Dataset entries ::
◆ ◆ ◆

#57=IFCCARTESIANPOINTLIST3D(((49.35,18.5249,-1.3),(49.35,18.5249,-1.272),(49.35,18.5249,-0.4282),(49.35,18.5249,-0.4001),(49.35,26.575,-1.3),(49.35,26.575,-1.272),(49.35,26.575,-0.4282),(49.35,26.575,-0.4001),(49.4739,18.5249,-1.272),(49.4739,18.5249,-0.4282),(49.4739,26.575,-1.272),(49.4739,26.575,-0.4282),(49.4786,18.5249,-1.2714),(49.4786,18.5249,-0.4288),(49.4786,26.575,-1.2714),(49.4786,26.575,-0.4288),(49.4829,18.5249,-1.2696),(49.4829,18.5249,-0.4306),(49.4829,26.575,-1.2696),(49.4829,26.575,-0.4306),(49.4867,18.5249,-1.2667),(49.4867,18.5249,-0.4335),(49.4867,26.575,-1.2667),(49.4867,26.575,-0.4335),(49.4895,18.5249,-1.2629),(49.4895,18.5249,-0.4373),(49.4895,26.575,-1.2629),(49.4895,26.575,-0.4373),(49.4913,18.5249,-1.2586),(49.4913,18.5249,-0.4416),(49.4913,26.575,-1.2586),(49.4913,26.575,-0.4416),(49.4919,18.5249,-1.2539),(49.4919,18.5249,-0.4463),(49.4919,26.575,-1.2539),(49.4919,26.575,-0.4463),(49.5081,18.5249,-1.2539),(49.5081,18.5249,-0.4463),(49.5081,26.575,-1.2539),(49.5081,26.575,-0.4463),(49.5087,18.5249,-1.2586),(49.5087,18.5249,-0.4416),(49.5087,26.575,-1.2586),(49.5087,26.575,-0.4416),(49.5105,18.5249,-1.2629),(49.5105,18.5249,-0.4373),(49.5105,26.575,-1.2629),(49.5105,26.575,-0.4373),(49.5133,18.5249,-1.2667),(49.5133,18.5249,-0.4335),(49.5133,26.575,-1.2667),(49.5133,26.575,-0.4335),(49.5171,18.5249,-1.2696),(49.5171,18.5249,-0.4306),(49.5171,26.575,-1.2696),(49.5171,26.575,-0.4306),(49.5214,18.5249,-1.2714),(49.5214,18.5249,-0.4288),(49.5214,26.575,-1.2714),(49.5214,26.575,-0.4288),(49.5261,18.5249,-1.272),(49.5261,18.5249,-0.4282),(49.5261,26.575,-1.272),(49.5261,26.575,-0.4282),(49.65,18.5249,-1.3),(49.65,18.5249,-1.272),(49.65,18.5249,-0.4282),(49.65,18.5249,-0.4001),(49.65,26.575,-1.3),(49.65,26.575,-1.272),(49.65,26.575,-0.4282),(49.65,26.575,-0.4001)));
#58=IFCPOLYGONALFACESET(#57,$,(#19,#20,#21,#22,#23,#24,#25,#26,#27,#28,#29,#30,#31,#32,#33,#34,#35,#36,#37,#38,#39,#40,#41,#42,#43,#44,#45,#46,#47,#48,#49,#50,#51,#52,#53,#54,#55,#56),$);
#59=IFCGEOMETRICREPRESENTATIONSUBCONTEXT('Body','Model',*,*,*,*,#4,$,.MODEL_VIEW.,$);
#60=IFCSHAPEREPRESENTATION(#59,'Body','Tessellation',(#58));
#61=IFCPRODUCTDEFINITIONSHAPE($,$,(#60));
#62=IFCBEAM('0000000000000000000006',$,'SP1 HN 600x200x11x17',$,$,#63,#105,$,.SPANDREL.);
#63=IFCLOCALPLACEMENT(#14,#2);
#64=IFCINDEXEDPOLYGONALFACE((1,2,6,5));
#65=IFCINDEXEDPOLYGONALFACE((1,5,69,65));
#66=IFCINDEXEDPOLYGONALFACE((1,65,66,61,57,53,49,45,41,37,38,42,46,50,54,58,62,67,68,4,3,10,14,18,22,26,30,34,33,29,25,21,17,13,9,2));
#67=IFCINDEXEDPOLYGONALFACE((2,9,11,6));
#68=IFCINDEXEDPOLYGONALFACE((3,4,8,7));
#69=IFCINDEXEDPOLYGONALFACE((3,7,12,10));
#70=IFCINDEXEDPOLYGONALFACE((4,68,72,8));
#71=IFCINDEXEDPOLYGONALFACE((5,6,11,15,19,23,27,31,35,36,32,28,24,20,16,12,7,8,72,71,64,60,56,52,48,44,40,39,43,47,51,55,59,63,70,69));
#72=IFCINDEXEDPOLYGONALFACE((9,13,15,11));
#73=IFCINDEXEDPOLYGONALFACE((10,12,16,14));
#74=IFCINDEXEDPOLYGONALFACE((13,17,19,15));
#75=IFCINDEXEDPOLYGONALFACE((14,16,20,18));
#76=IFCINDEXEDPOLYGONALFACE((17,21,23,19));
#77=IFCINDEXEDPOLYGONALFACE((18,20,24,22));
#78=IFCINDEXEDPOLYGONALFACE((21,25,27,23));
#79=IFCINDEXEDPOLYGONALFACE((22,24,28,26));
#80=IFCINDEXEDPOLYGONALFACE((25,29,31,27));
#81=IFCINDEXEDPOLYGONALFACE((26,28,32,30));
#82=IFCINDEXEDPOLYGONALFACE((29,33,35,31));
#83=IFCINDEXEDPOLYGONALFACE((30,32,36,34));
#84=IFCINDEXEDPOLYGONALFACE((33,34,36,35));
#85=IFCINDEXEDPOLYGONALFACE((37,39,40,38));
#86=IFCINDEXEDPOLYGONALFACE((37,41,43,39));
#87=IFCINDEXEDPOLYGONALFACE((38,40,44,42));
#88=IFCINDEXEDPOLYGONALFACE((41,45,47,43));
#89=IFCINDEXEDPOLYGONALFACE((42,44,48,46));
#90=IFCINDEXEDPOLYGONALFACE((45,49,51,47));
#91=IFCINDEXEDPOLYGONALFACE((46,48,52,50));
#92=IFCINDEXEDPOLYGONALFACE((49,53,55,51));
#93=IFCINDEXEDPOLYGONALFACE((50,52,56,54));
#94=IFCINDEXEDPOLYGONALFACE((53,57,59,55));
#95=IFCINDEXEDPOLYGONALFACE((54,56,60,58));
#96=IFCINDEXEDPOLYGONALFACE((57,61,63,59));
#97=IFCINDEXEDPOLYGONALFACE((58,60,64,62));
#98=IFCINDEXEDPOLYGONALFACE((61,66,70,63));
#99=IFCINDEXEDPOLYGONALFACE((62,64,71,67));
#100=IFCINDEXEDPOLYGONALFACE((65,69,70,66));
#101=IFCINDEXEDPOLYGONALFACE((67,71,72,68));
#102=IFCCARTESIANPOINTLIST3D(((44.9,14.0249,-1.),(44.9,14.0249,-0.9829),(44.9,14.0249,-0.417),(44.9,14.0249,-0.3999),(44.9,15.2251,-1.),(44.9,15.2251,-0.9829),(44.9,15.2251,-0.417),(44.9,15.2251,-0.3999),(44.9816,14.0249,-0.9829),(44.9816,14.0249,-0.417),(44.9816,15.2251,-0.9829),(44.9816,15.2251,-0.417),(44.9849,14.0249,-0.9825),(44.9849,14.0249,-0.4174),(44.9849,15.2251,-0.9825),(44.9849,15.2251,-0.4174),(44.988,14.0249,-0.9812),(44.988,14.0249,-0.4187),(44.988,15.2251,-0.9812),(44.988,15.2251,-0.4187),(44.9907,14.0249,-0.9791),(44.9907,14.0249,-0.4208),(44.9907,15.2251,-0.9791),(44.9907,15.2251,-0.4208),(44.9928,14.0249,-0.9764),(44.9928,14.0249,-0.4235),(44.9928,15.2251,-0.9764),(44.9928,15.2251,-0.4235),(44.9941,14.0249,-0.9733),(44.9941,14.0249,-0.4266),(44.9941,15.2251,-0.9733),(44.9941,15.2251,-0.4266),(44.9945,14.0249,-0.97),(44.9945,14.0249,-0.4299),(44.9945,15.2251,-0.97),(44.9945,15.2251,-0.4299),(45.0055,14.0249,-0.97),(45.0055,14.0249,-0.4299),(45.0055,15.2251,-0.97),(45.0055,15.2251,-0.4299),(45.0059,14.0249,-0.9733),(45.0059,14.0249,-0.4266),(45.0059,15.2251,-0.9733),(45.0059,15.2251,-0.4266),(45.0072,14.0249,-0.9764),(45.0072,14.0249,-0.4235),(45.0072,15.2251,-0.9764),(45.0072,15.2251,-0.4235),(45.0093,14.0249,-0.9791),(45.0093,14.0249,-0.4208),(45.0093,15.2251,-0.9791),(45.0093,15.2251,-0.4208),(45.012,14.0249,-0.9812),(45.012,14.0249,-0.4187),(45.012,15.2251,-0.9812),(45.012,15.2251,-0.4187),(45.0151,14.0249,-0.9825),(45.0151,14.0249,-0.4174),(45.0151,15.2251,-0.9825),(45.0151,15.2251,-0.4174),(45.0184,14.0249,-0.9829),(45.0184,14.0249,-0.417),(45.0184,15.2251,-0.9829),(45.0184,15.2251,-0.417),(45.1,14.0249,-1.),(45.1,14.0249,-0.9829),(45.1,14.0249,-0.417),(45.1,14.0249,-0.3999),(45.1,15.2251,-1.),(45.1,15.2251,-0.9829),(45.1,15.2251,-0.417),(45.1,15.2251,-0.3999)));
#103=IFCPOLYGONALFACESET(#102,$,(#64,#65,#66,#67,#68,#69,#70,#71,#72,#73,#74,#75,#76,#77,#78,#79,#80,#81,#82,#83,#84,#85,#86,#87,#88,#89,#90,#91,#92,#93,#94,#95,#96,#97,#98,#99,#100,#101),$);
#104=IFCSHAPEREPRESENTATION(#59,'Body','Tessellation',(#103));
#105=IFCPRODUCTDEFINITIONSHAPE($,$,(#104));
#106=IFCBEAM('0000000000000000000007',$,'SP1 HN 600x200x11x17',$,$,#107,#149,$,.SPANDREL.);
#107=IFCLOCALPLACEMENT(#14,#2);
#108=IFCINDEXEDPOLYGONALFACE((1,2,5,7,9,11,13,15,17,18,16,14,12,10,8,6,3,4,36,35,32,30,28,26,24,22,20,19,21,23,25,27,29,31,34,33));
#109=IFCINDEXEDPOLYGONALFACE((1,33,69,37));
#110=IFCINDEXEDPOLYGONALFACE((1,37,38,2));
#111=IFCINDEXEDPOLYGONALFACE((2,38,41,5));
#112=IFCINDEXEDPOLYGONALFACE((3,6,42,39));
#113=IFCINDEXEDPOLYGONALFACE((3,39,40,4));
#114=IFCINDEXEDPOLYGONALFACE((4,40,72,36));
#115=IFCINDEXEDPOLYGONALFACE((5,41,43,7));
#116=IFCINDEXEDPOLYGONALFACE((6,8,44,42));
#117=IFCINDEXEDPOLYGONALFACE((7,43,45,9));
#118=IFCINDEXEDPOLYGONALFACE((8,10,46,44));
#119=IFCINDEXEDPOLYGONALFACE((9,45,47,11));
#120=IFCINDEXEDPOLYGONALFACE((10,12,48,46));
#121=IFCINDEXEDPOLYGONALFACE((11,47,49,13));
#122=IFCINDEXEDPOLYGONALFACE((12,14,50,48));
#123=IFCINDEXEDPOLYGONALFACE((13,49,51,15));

◆ ◆ ◆

Problem to solve :: From the data above, output only the lines between the line containing "#89=IFCINDEXEDPOLYGONALFACE((42,44,48,46));" and the line containing "#101=IFCINDEXEDPOLYGONALFACE((67,71,72,68));", inclusive, exactly as written.

Task response ::
#89=IFCINDEXEDPOLYGONALFACE((42,44,48,46));
#90=IFCINDEXEDPOLYGONALFACE((45,49,51,47));
#91=IFCINDEXEDPOLYGONALFACE((46,48,52,50));
#92=IFCINDEXEDPOLYGONALFACE((49,53,55,51));
#93=IFCINDEXEDPOLYGONALFACE((50,52,56,54));
#94=IFCINDEXEDPOLYGONALFACE((53,57,59,55));
#95=IFCINDEXEDPOLYGONALFACE((54,56,60,58));
#96=IFCINDEXEDPOLYGONALFACE((57,61,63,59));
#97=IFCINDEXEDPOLYGONALFACE((58,60,64,62));
#98=IFCINDEXEDPOLYGONALFACE((61,66,70,63));
#99=IFCINDEXEDPOLYGONALFACE((62,64,71,67));
#100=IFCINDEXEDPOLYGONALFACE((65,69,70,66));
#101=IFCINDEXEDPOLYGONALFACE((67,71,72,68));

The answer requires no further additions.